**Stored data:**
◆ ◆ ◆

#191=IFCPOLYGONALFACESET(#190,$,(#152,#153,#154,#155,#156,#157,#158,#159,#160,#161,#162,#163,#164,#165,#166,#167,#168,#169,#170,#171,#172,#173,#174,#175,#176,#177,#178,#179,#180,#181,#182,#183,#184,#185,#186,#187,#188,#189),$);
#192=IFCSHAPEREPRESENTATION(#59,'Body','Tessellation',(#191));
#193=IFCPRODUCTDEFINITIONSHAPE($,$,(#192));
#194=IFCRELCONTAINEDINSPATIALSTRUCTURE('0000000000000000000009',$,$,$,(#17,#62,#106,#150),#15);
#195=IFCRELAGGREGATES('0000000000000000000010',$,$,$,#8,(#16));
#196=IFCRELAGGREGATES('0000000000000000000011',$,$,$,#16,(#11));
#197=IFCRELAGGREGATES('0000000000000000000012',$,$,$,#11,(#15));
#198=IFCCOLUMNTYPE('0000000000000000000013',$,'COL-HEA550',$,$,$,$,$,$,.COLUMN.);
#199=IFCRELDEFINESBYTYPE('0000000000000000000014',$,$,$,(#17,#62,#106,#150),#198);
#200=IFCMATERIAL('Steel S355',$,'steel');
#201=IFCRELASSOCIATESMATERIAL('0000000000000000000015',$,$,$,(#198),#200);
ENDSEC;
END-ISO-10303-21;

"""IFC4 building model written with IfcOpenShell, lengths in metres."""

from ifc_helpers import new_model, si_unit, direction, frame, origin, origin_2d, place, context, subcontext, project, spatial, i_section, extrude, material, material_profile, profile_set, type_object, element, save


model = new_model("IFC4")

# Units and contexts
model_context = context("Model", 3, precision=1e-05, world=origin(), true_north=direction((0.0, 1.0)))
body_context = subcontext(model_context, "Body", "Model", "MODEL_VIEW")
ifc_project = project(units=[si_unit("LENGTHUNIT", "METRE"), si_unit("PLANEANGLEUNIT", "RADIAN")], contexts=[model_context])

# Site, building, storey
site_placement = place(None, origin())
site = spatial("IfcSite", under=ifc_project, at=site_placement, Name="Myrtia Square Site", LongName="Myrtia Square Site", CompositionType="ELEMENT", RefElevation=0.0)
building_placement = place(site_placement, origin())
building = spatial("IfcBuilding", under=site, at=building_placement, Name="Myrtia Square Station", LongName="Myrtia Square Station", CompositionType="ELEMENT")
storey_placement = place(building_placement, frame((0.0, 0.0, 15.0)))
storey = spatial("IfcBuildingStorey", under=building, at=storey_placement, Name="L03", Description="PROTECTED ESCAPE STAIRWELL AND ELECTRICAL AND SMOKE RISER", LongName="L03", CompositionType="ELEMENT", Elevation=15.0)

◆ ◆ ◆

**WORK INSTRUCTIONS:** I'd like the lines above from the one with "#193=IFCPRODUCTDEFINITIONSHAPE($,$,(#192));" up to and including the one with "END-ISO-10303-21;" copied exactly, with no other lines.

**RESULT:**
#193=IFCPRODUCTDEFINITIONSHAPE($,$,(#192));
#194=IFCRELCONTAINEDINSPATIALSTRUCTURE('0000000000000000000009',$,$,$,(#17,#62,#106,#150),#15);
#195=IFCRELAGGREGATES('0000000000000000000010',$,$,$,#8,(#16));
#196=IFCRELAGGREGATES('0000000000000000000011',$,$,$,#16,(#11));
#197=IFCRELAGGREGATES('0000000000000000000012',$,$,$,#11,(#15));
#198=IFCCOLUMNTYPE('0000000000000000000013',$,'COL-HEA550',$,$,$,$,$,$,.COLUMN.);
#199=IFCRELDEFINESBYTYPE('0000000000000000000014',$,$,$,(#17,#62,#106,#150),#198);
#200=IFCMATERIAL('Steel S355',$,'steel');
#201=IFCRELASSOCIATESMATERIAL('0000000000000000000015',$,$,$,(#198),#200);
ENDSEC;
END-ISO-10303-21;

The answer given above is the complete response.